> _Task inputs_:
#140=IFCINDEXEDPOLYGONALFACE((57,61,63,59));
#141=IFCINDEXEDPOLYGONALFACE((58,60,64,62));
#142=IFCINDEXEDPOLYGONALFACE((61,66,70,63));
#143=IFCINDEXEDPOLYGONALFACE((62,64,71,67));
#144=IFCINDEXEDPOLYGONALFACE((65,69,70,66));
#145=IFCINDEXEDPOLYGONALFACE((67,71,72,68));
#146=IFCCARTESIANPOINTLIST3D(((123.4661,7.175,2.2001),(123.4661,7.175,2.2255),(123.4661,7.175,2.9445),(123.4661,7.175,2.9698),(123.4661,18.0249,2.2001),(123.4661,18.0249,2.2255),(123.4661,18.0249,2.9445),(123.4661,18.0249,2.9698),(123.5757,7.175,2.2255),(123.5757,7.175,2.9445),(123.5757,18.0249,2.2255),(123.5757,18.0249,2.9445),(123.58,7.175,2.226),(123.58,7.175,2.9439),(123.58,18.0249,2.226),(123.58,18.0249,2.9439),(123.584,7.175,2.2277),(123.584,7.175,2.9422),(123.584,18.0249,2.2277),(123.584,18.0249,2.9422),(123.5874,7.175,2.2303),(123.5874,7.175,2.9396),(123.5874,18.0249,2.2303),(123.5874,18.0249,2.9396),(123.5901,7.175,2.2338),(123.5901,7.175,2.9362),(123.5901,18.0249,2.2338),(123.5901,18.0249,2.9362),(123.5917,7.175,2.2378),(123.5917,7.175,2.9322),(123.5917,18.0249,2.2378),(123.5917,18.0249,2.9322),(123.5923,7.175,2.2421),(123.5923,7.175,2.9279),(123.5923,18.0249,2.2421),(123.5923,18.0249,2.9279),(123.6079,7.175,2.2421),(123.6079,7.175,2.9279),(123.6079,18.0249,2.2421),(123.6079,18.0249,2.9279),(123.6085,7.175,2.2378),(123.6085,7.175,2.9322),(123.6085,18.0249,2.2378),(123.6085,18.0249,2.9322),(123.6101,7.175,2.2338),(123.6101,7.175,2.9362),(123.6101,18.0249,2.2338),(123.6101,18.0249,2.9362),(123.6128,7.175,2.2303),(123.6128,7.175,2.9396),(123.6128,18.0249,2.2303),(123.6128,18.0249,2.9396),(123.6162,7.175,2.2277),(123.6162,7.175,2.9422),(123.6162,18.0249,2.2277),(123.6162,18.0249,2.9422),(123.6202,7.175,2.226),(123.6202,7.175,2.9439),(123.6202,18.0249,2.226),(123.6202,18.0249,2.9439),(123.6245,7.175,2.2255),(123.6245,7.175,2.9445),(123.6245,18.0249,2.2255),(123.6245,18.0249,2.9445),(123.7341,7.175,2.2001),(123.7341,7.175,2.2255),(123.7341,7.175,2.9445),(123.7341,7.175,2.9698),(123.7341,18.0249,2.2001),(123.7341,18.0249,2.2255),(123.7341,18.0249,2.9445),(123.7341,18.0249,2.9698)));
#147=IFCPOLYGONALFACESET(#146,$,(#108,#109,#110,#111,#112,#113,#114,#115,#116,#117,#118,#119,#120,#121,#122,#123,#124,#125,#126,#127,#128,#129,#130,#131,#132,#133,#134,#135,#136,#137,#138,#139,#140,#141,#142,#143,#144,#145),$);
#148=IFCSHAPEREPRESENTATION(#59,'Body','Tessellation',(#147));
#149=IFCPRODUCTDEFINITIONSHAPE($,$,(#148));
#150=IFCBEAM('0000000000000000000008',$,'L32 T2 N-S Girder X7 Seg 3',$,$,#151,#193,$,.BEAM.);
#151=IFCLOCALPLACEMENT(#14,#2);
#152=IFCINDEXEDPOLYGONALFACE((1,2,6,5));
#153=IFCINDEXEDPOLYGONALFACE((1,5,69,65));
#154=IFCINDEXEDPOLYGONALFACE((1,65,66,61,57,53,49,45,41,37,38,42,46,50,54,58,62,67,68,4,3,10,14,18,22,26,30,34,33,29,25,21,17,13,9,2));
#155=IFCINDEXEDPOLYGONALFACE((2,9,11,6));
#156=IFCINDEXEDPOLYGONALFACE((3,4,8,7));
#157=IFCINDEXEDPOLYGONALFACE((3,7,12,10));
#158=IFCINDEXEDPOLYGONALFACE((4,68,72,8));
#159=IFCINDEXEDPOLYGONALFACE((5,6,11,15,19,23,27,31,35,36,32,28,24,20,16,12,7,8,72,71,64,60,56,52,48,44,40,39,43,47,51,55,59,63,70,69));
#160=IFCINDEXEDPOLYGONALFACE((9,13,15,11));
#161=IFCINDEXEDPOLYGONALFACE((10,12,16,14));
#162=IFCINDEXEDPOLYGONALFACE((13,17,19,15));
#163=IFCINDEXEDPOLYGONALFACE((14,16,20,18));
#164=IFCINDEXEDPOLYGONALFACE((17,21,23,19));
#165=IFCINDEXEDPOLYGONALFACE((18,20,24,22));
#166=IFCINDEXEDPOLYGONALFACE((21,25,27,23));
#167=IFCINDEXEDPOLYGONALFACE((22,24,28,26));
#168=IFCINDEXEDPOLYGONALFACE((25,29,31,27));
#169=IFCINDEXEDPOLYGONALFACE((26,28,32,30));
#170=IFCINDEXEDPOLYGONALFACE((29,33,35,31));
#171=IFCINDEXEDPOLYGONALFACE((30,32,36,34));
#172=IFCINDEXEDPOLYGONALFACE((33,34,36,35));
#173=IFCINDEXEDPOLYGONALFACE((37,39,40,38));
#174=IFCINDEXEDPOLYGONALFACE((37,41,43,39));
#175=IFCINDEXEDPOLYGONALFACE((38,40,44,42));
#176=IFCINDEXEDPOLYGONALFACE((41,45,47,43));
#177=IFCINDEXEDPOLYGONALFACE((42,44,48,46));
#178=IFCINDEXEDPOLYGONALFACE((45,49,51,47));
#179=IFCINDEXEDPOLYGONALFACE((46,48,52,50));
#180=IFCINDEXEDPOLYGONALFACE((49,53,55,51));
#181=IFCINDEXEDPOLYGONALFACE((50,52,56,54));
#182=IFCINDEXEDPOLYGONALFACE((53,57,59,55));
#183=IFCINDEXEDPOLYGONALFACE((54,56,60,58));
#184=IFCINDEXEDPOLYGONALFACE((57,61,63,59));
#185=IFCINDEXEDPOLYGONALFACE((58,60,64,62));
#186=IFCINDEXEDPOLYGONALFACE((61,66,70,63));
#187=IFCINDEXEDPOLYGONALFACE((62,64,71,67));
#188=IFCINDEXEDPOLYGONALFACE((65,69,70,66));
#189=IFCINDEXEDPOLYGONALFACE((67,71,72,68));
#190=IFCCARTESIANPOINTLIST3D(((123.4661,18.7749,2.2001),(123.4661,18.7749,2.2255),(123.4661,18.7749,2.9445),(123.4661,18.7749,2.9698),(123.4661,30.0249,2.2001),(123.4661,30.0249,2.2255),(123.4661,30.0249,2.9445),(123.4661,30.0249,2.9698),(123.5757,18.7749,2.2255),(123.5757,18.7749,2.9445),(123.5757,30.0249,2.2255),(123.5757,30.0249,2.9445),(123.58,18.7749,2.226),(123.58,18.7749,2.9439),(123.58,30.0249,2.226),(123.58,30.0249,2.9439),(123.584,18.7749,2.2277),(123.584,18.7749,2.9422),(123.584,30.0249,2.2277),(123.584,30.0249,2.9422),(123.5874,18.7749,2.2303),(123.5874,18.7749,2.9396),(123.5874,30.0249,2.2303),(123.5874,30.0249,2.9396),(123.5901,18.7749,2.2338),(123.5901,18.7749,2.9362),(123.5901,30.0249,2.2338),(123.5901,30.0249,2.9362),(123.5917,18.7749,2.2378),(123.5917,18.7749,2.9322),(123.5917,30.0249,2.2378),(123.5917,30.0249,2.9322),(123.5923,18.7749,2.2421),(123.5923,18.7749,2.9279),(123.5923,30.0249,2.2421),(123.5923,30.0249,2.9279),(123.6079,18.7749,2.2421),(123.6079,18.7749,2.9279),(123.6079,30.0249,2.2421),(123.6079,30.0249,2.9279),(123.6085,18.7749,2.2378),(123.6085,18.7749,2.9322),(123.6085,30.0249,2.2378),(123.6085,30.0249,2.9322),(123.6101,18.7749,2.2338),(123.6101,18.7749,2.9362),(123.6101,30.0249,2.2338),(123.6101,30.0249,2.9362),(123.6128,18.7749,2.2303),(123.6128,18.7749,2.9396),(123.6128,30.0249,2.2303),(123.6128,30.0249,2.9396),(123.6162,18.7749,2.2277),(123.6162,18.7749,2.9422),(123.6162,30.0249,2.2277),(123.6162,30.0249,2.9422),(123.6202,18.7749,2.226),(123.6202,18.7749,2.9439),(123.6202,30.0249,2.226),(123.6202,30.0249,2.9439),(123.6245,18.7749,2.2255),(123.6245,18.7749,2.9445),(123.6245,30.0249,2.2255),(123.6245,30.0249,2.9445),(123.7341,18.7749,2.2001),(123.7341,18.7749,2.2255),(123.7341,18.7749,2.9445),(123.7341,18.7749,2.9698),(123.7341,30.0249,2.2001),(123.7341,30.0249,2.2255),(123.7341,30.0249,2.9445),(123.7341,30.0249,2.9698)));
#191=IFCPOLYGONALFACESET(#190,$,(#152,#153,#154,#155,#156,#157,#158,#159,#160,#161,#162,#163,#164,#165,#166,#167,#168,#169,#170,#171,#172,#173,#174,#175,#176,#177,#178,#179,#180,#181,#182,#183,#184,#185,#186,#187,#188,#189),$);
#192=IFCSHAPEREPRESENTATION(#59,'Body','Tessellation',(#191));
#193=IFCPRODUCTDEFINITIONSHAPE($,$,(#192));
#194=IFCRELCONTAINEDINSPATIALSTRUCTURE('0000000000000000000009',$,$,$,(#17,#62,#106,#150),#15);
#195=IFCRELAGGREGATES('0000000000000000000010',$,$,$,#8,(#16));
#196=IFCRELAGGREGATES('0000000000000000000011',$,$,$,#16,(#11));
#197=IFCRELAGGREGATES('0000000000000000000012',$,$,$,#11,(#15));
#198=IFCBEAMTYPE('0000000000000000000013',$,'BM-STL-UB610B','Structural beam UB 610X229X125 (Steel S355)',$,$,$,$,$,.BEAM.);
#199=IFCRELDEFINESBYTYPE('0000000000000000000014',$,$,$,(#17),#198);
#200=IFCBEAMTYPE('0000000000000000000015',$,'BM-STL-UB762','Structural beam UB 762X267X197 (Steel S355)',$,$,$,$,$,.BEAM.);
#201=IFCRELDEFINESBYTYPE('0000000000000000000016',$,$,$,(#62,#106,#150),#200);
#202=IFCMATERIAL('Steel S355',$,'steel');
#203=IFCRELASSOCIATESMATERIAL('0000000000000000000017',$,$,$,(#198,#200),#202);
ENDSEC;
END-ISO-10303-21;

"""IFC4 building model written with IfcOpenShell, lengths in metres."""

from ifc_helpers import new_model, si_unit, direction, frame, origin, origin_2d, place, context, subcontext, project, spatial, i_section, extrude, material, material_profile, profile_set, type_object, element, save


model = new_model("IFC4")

> _Work task_: The listing above holds a line with "#187=IFCINDEXEDPOLYGONALFACE((62,64,71,67));" and a line with "#189=IFCINDEXEDPOLYGONALFACE((67,71,72,68));". Print the stretch from the first through the second, exactly and alone.

> _Your solution_:
#187=IFCINDEXEDPOLYGONALFACE((62,64,71,67));
#188=IFCINDEXEDPOLYGONALFACE((65,69,70,66));
#189=IFCINDEXEDPOLYGONALFACE((67,71,72,68));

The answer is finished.